◆ **What needs to be done**:
Set down the material exactly, keeping every line whole.

◆ **Source material**:
"""

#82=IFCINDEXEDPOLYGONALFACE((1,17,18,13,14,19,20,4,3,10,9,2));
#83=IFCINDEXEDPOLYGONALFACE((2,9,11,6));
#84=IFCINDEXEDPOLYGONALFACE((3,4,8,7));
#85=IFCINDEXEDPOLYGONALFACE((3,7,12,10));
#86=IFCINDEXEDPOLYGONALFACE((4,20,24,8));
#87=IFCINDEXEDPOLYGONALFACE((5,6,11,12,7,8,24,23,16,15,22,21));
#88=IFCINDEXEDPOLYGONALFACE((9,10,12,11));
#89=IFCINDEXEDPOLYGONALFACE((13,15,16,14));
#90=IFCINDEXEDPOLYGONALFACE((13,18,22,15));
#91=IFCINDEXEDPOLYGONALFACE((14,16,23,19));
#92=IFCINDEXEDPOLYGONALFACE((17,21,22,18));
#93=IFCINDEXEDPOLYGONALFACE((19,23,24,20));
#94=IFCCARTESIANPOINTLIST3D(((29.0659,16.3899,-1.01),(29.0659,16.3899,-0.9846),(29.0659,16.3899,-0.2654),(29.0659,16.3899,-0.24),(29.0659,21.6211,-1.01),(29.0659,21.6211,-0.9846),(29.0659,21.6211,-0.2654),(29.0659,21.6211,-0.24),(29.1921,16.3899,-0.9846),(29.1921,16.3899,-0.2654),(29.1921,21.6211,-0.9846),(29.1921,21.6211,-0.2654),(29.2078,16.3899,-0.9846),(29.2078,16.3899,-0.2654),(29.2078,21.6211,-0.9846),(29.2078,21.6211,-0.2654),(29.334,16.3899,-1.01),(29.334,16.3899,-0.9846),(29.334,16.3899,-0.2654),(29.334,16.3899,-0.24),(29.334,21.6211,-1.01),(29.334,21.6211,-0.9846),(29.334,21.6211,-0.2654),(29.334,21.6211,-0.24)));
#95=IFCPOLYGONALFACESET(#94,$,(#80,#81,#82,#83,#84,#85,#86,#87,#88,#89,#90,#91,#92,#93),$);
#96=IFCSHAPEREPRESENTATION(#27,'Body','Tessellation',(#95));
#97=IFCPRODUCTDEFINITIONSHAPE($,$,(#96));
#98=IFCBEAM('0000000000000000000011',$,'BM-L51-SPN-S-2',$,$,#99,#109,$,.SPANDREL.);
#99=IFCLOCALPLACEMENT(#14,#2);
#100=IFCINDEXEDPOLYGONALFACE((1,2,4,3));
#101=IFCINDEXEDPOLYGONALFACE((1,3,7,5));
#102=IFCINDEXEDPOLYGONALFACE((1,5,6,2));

"""

◆ **Solution**:
#82=IFCINDEXEDPOLYGONALFACE((1,17,18,13,14,19,20,4,3,10,9,2));
#83=IFCINDEXEDPOLYGONALFACE((2,9,11,6));
#84=IFCINDEXEDPOLYGONALFACE((3,4,8,7));
#85=IFCINDEXEDPOLYGONALFACE((3,7,12,10));
#86=IFCINDEXEDPOLYGONALFACE((4,20,24,8));
#87=IFCINDEXEDPOLYGONALFACE((5,6,11,12,7,8,24,23,16,15,22,21));
#88=IFCINDEXEDPOLYGONALFACE((9,10,12,11));
#89=IFCINDEXEDPOLYGONALFACE((13,15,16,14));
#90=IFCINDEXEDPOLYGONALFACE((13,18,22,15));
#91=IFCINDEXEDPOLYGONALFACE((14,16,23,19));
#92=IFCINDEXEDPOLYGONALFACE((17,21,22,18));
#93=IFCINDEXEDPOLYGONALFACE((19,23,24,20));
#94=IFCCARTESIANPOINTLIST3D(((29.0659,16.3899,-1.01),(29.0659,16.3899,-0.9846),(29.0659,16.3899,-0.2654),(29.0659,16.3899,-0.24),(29.0659,21.6211,-1.01),(29.0659,21.6211,-0.9846),(29.0659,21.6211,-0.2654),(29.0659,21.6211,-0.24),(29.1921,16.3899,-0.9846),(29.1921,16.3899,-0.2654),(29.1921,21.6211,-0.9846),(29.1921,21.6211,-0.2654),(29.2078,16.3899,-0.9846),(29.2078,16.3899,-0.2654),(29.2078,21.6211,-0.9846),(29.2078,21.6211,-0.2654),(29.334,16.3899,-1.01),(29.334,16.3899,-0.9846),(29.334,16.3899,-0.2654),(29.334,16.3899,-0.24),(29.334,21.6211,-1.01),(29.334,21.6211,-0.9846),(29.334,21.6211,-0.2654),(29.334,21.6211,-0.24)));
#95=IFCPOLYGONALFACESET(#94,$,(#80,#81,#82,#83,#84,#85,#86,#87,#88,#89,#90,#91,#92,#93),$);
#96=IFCSHAPEREPRESENTATION(#27,'Body','Tessellation',(#95));
#97=IFCPRODUCTDEFINITIONSHAPE($,$,(#96));
#98=IFCBEAM('0000000000000000000011',$,'BM-L51-SPN-S-2',$,$,#99,#109,$,.SPANDREL.);
#99=IFCLOCALPLACEMENT(#14,#2);
#100=IFCINDEXEDPOLYGONALFACE((1,2,4,3));
#101=IFCINDEXEDPOLYGONALFACE((1,3,7,5));
#102=IFCINDEXEDPOLYGONALFACE((1,5,6,2));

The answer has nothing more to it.